Task directions:
Search the records for the word "Tessellation" and report each line that has it.

Record set:
- - -

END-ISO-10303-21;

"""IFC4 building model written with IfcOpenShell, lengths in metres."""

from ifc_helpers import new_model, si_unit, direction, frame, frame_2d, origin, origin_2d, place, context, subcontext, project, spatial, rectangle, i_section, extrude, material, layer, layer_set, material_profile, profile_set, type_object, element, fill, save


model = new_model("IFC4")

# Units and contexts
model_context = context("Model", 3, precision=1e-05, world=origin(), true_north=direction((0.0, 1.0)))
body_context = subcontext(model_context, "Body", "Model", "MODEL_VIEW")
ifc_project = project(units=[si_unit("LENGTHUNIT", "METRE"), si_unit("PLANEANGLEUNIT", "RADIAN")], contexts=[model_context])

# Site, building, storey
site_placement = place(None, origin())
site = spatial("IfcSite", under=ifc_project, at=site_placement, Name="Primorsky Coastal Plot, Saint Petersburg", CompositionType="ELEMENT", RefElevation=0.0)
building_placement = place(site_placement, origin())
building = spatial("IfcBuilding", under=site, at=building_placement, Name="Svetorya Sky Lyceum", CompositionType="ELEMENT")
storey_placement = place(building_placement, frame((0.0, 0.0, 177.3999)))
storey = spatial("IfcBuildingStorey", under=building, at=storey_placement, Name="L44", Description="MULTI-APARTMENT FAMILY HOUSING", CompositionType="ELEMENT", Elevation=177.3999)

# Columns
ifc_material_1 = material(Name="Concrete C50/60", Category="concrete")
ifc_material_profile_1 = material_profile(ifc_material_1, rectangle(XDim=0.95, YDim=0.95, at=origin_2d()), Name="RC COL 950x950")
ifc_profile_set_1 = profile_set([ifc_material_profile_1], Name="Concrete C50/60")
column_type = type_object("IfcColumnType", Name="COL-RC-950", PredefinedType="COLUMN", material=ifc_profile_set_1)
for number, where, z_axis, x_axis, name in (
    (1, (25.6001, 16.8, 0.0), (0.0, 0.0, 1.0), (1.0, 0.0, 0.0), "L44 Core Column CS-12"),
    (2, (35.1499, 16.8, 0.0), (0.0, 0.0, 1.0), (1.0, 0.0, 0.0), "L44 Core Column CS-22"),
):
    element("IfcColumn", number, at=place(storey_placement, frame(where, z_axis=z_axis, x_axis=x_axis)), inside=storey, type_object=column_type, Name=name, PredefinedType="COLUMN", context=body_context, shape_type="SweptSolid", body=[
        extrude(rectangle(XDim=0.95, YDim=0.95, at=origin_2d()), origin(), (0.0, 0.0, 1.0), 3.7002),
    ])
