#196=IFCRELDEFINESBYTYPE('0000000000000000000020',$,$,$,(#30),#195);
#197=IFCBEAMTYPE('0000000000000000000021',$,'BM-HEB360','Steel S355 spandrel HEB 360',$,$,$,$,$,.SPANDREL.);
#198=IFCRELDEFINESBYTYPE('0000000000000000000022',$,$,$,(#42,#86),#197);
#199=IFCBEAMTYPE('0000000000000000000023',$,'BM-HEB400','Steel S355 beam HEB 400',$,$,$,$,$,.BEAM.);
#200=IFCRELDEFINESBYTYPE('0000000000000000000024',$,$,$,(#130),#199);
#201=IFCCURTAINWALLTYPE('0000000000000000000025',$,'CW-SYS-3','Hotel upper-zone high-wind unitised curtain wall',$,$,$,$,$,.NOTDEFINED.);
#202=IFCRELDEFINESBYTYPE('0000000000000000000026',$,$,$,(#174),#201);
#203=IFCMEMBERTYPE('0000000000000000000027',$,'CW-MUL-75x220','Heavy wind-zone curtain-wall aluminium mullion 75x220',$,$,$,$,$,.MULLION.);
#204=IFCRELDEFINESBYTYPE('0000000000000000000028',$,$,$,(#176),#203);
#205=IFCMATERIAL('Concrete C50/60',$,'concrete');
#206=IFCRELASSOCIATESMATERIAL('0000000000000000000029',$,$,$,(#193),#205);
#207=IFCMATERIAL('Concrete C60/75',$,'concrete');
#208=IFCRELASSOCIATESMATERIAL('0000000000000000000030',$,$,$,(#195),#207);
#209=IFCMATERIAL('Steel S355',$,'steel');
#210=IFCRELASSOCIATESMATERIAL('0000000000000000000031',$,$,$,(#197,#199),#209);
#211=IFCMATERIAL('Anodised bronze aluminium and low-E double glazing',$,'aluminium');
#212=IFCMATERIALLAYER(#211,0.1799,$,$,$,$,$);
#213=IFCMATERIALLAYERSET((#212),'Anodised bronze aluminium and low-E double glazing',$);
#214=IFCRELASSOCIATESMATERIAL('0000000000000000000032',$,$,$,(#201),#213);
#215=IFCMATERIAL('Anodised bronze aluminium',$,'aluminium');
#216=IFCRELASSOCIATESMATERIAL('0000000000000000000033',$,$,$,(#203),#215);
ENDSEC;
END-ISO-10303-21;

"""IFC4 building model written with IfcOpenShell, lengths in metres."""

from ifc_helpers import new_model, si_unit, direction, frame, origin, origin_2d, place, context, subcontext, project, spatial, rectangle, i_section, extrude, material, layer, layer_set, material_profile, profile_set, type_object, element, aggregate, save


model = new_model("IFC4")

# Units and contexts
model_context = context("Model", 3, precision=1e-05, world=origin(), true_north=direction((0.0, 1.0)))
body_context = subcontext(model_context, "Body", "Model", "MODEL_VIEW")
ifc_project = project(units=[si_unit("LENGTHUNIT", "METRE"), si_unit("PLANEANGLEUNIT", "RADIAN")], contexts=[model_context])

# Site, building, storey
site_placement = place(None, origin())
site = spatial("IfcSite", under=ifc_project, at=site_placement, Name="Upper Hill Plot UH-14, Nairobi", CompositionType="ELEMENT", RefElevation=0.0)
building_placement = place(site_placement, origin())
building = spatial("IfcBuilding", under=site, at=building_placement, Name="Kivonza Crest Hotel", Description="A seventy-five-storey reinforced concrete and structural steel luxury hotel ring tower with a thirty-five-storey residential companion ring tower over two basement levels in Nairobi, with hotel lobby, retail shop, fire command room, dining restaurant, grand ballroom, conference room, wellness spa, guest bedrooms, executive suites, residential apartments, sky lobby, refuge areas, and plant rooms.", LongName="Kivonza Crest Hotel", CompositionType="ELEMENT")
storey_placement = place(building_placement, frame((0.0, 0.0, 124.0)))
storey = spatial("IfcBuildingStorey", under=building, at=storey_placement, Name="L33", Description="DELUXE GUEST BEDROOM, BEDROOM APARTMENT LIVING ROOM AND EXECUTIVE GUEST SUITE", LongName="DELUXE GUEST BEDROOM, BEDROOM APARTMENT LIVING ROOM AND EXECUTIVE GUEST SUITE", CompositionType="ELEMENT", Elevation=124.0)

- - -

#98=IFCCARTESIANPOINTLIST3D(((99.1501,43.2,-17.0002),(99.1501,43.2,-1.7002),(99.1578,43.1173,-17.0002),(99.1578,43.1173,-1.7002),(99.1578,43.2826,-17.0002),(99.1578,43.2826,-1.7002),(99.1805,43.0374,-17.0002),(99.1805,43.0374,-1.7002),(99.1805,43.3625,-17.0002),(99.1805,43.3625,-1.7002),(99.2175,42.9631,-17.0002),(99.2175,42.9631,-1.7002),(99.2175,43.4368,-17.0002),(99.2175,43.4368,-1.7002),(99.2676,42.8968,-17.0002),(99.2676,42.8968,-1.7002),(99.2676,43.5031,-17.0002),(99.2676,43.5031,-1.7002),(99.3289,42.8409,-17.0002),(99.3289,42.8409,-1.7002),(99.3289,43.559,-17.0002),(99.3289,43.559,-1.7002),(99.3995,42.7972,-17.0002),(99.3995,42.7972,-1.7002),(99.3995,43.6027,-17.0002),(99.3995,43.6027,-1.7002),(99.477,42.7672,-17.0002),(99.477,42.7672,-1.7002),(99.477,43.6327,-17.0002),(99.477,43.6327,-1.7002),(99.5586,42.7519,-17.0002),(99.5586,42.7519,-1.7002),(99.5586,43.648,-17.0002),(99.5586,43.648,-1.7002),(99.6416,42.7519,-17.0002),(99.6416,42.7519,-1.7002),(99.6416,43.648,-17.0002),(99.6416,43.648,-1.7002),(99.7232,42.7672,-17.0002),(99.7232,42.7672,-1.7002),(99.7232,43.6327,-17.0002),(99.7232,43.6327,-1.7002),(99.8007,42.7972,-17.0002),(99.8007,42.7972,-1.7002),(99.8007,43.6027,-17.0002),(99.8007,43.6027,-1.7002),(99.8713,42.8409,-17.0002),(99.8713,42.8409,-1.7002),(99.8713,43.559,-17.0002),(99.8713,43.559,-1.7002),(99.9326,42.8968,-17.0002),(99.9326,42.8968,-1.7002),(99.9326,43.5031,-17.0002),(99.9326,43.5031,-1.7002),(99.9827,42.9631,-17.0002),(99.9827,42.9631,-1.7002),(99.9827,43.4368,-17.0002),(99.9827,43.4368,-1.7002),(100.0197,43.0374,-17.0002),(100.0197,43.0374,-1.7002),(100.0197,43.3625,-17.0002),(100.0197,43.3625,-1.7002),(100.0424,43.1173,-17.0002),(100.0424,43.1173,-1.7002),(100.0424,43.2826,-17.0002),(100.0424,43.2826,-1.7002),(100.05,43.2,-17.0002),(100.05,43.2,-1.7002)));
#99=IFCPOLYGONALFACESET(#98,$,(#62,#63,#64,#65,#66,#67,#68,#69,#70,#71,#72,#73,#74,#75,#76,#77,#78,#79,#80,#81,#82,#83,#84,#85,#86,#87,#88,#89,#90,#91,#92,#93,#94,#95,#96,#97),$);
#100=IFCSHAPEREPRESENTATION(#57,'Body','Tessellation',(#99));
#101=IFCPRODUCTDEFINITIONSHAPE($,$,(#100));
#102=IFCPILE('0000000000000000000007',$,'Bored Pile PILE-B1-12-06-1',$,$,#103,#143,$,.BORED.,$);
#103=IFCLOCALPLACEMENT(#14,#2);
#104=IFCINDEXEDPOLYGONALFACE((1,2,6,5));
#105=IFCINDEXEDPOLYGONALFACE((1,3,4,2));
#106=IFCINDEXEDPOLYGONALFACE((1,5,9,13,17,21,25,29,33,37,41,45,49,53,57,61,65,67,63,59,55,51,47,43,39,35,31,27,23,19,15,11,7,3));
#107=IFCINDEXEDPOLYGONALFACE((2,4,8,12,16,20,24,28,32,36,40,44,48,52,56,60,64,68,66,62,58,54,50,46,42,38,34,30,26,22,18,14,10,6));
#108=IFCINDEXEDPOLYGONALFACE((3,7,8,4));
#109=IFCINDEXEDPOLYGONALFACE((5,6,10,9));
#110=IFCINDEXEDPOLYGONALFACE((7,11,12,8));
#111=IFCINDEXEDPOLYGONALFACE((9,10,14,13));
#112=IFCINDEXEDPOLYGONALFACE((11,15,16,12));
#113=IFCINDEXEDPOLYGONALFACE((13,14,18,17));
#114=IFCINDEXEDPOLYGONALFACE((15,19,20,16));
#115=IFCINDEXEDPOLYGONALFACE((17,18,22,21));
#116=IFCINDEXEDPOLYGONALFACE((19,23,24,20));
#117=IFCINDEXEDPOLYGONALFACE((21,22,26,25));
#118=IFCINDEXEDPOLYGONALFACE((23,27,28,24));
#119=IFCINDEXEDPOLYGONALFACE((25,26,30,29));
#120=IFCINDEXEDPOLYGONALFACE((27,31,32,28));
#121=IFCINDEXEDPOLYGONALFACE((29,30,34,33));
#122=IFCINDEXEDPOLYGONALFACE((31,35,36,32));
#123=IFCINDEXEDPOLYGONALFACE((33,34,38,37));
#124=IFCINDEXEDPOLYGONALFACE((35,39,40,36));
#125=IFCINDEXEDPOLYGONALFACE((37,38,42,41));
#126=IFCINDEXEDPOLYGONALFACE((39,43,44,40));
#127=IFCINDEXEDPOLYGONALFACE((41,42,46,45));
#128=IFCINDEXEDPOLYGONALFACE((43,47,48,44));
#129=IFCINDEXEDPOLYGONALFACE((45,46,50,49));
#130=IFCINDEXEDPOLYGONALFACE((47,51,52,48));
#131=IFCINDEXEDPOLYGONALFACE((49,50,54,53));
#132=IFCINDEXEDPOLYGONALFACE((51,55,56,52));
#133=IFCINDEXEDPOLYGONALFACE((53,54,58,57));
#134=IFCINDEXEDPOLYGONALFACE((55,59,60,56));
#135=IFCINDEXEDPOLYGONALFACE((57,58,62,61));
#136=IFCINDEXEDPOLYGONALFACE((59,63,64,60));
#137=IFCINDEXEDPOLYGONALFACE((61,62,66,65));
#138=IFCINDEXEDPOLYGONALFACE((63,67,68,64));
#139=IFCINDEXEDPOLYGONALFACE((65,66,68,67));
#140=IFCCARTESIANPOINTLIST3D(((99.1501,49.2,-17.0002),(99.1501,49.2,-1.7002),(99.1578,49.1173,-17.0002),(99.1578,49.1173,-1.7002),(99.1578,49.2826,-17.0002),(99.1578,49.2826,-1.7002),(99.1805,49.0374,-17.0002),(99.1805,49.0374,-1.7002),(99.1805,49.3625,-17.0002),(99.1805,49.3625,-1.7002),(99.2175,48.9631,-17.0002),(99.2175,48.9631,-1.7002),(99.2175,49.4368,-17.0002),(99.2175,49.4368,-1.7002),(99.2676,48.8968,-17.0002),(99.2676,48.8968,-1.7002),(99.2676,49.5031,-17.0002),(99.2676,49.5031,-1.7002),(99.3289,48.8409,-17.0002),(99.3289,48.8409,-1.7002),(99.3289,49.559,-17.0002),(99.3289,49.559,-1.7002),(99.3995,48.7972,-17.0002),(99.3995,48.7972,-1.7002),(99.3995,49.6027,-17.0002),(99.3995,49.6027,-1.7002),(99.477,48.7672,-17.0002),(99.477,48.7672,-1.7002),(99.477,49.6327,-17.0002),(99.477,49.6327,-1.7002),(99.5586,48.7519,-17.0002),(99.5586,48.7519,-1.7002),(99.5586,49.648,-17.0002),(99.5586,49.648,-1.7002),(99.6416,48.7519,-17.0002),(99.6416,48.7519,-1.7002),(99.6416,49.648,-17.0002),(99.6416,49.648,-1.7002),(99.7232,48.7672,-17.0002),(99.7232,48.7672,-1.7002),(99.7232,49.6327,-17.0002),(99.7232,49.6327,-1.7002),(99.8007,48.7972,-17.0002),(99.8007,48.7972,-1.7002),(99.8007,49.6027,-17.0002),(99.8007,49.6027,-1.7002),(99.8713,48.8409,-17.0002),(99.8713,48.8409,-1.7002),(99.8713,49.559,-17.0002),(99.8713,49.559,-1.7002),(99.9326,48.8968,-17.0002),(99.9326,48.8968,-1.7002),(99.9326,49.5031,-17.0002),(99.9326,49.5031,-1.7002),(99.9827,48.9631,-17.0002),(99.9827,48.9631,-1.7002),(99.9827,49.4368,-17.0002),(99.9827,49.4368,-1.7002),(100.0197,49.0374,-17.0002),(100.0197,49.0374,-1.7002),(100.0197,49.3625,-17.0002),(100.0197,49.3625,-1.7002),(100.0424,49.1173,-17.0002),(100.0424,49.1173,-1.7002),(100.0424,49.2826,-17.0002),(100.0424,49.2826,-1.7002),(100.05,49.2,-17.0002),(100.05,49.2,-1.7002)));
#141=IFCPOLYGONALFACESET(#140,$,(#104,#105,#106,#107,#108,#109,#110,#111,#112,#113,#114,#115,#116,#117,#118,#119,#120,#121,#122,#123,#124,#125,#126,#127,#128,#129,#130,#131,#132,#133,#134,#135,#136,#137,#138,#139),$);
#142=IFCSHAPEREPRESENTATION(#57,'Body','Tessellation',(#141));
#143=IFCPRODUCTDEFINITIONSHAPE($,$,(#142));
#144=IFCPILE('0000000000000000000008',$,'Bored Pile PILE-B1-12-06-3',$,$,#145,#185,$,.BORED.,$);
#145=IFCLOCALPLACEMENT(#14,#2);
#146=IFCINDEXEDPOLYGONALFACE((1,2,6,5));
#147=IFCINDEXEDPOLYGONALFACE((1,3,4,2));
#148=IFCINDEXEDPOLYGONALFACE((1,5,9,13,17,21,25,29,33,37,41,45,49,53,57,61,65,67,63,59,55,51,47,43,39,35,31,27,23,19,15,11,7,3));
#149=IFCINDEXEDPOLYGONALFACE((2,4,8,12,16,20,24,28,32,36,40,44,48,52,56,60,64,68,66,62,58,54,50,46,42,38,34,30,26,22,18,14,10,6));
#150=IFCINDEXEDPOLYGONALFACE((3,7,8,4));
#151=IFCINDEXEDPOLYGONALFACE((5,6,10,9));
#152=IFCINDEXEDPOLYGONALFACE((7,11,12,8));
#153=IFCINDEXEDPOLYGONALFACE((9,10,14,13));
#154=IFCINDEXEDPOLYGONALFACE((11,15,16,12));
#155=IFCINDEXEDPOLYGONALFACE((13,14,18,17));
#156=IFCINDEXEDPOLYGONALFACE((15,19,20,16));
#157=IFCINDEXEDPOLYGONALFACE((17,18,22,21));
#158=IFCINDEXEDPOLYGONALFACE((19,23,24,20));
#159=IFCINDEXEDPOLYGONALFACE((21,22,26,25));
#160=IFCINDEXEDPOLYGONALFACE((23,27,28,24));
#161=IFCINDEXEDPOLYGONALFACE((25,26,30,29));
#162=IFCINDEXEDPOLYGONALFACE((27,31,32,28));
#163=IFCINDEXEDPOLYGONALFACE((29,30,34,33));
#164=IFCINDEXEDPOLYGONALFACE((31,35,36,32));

- - -

Exercise solution:
#100=IFCSHAPEREPRESENTATION(#57,'Body','Tessellation',(#99));
#142=IFCSHAPEREPRESENTATION(#57,'Body','Tessellation',(#141));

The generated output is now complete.